*Problem to solve*
Find the line containing "#171=IFCPRODUCTDEFINITIONSHAPE($,$,(#170));" in the entries below. Restate it and each line after it, word for word, up to and including the line containing "#187=IFCRELAGGREGATES('0000000000000000000012',$,$,$,#11,(#15));".

───── Recorded data

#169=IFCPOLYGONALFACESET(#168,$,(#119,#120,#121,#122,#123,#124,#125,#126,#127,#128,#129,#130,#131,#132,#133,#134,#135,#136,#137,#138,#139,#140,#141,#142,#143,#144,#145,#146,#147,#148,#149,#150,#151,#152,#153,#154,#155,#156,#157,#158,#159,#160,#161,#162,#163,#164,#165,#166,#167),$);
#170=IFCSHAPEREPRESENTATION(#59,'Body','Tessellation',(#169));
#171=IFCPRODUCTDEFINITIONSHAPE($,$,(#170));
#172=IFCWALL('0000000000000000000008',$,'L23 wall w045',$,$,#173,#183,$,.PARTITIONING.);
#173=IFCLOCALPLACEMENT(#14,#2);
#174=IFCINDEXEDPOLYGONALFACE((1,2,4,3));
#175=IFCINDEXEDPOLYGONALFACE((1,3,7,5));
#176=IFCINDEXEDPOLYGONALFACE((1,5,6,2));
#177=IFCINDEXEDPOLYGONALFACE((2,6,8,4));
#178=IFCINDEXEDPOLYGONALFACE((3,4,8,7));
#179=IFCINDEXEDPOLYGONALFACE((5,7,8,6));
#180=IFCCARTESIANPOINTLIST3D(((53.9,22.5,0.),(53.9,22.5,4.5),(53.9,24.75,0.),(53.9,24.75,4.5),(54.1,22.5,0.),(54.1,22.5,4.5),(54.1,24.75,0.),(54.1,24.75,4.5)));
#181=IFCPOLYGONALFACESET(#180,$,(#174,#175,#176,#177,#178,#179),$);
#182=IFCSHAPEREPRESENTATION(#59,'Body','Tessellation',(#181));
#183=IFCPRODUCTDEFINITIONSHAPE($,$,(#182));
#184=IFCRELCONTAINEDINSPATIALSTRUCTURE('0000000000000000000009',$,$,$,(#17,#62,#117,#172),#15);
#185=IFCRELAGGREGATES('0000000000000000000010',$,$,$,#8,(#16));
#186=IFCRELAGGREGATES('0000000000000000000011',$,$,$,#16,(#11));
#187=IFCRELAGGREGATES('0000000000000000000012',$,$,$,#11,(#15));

──────────
───── Recorded data

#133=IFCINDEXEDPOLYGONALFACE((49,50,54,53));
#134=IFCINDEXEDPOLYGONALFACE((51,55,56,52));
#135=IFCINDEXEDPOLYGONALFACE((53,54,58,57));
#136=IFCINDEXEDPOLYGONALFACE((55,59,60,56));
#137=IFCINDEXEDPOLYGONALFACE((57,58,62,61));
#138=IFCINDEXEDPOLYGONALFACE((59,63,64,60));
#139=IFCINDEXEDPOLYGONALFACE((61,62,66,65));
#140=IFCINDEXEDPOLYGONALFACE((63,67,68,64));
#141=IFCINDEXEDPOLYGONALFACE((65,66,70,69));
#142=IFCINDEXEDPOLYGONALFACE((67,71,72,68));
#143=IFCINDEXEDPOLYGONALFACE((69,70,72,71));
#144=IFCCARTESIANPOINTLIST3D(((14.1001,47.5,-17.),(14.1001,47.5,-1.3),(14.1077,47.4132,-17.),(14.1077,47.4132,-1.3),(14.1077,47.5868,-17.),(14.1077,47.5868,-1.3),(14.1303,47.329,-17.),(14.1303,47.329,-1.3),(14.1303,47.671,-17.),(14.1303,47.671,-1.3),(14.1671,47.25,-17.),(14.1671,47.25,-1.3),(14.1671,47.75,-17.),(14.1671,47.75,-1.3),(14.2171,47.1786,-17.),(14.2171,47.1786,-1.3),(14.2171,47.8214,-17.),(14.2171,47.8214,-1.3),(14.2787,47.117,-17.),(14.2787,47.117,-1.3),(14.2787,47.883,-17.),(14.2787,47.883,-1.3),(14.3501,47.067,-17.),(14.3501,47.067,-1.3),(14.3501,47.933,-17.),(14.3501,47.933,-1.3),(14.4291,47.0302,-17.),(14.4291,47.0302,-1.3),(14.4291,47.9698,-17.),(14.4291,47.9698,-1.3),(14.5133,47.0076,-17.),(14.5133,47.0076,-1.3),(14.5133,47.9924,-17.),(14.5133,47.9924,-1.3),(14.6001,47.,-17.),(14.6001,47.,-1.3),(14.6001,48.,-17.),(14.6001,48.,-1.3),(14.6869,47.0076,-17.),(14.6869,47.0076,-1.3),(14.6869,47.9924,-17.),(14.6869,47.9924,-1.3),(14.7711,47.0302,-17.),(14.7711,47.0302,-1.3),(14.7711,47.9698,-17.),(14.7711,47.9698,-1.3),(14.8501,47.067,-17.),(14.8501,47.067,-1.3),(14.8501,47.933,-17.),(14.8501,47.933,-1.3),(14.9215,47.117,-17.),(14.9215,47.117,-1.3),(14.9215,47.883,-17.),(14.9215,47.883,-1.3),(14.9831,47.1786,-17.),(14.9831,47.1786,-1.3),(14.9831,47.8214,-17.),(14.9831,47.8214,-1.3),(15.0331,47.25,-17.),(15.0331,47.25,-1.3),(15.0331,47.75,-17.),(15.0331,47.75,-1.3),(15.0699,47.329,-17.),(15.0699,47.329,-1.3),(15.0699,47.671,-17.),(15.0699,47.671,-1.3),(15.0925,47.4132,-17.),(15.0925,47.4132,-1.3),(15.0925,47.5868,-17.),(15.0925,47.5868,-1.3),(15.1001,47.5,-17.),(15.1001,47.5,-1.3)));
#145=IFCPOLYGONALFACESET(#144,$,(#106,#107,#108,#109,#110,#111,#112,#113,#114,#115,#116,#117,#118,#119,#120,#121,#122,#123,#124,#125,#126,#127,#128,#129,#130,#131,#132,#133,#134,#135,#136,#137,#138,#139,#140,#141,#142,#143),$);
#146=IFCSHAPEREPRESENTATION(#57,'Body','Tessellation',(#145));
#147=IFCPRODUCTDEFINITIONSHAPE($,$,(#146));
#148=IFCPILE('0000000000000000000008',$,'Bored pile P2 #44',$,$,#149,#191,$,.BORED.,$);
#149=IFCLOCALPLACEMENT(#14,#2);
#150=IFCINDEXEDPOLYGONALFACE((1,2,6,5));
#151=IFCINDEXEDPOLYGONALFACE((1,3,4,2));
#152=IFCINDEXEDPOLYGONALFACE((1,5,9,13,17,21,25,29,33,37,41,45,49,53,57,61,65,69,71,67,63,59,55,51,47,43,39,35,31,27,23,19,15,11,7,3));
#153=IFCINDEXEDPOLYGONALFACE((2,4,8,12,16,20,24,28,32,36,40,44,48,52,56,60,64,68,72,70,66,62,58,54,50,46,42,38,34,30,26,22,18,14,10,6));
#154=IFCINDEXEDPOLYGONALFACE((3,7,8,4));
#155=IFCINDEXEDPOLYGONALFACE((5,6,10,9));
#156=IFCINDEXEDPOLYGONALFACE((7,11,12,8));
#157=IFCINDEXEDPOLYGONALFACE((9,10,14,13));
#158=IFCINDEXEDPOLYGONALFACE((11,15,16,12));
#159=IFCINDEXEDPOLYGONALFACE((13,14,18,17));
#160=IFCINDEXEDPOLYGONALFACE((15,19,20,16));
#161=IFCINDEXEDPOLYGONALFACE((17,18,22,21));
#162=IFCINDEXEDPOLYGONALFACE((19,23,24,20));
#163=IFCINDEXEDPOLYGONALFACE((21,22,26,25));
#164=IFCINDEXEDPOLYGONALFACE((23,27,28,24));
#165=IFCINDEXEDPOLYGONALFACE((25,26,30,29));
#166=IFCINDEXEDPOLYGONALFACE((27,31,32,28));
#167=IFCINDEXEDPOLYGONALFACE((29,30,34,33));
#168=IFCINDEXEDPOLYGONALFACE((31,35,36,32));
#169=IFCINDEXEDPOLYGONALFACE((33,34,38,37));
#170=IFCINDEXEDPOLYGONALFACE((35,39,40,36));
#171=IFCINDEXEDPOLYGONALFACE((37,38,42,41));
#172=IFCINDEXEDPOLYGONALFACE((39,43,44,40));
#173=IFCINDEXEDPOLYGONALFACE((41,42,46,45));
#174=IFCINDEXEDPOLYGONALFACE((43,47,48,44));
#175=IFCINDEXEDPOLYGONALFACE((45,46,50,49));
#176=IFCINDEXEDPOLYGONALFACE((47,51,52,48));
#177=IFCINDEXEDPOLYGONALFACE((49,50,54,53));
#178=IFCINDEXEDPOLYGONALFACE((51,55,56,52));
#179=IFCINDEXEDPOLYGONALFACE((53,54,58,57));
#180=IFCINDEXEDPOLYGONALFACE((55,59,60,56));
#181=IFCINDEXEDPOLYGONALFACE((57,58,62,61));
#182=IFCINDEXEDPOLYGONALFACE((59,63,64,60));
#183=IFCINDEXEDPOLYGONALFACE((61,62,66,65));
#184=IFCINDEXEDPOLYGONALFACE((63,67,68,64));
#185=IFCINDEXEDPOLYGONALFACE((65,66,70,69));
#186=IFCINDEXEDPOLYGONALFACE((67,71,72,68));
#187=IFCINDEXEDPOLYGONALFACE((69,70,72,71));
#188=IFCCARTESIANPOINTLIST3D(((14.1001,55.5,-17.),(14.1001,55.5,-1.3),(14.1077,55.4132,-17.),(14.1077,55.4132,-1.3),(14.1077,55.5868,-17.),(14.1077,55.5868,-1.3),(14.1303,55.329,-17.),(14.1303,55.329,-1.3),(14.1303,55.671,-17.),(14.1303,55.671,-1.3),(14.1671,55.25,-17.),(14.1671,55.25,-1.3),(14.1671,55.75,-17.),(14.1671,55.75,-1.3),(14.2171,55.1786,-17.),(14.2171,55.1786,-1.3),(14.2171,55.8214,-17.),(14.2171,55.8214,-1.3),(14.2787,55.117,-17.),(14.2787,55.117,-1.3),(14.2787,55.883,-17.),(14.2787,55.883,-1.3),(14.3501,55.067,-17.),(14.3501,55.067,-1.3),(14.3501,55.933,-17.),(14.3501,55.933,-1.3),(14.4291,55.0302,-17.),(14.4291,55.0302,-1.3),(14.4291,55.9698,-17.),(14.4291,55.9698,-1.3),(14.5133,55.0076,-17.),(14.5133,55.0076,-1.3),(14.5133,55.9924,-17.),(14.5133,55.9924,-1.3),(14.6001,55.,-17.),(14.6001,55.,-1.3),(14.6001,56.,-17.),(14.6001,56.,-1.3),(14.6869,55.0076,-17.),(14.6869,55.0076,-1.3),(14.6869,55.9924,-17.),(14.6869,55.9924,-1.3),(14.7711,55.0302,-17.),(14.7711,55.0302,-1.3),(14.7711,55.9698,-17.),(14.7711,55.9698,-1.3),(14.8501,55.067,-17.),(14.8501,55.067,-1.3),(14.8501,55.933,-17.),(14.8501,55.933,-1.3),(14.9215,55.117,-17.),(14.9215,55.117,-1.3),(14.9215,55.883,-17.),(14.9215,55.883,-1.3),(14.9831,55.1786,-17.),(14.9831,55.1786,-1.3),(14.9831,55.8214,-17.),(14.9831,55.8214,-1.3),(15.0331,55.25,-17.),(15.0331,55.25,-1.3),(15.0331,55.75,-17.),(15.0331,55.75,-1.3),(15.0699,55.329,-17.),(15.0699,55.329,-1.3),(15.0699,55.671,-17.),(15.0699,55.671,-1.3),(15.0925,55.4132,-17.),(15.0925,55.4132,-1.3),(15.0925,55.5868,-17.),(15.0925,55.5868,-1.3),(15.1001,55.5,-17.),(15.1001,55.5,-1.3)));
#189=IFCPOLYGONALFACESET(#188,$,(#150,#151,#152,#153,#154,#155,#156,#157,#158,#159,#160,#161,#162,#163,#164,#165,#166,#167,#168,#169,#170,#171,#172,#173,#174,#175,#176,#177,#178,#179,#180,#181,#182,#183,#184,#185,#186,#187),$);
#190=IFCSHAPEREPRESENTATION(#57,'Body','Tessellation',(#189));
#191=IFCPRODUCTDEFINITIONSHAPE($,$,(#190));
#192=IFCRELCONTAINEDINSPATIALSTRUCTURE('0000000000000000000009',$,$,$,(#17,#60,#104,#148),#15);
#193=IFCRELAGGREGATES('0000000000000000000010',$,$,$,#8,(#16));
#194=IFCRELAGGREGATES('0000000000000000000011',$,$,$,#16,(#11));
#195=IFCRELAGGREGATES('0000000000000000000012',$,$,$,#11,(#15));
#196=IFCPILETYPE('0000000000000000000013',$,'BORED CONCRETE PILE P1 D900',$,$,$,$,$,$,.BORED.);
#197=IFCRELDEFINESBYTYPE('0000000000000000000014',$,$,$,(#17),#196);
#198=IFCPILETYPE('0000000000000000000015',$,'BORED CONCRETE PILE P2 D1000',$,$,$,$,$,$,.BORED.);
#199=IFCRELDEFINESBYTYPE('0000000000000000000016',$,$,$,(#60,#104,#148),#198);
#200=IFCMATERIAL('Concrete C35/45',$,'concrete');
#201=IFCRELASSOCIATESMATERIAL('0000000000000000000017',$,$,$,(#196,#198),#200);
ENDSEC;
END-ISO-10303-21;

──────────

*Result of the exercise*
#171=IFCPRODUCTDEFINITIONSHAPE($,$,(#170));
#172=IFCWALL('0000000000000000000008',$,'L23 wall w045',$,$,#173,#183,$,.PARTITIONING.);
#173=IFCLOCALPLACEMENT(#14,#2);
#174=IFCINDEXEDPOLYGONALFACE((1,2,4,3));
#175=IFCINDEXEDPOLYGONALFACE((1,3,7,5));
#176=IFCINDEXEDPOLYGONALFACE((1,5,6,2));
#177=IFCINDEXEDPOLYGONALFACE((2,6,8,4));
#178=IFCINDEXEDPOLYGONALFACE((3,4,8,7));
#179=IFCINDEXEDPOLYGONALFACE((5,7,8,6));
#180=IFCCARTESIANPOINTLIST3D(((53.9,22.5,0.),(53.9,22.5,4.5),(53.9,24.75,0.),(53.9,24.75,4.5),(54.1,22.5,0.),(54.1,22.5,4.5),(54.1,24.75,0.),(54.1,24.75,4.5)));
#181=IFCPOLYGONALFACESET(#180,$,(#174,#175,#176,#177,#178,#179),$);
#182=IFCSHAPEREPRESENTATION(#59,'Body','Tessellation',(#181));
#183=IFCPRODUCTDEFINITIONSHAPE($,$,(#182));
#184=IFCRELCONTAINEDINSPATIALSTRUCTURE('0000000000000000000009',$,$,$,(#17,#62,#117,#172),#15);
#185=IFCRELAGGREGATES('0000000000000000000010',$,$,$,#8,(#16));
#186=IFCRELAGGREGATES('0000000000000000000011',$,$,$,#16,(#11));
#187=IFCRELAGGREGATES('0000000000000000000012',$,$,$,#11,(#15));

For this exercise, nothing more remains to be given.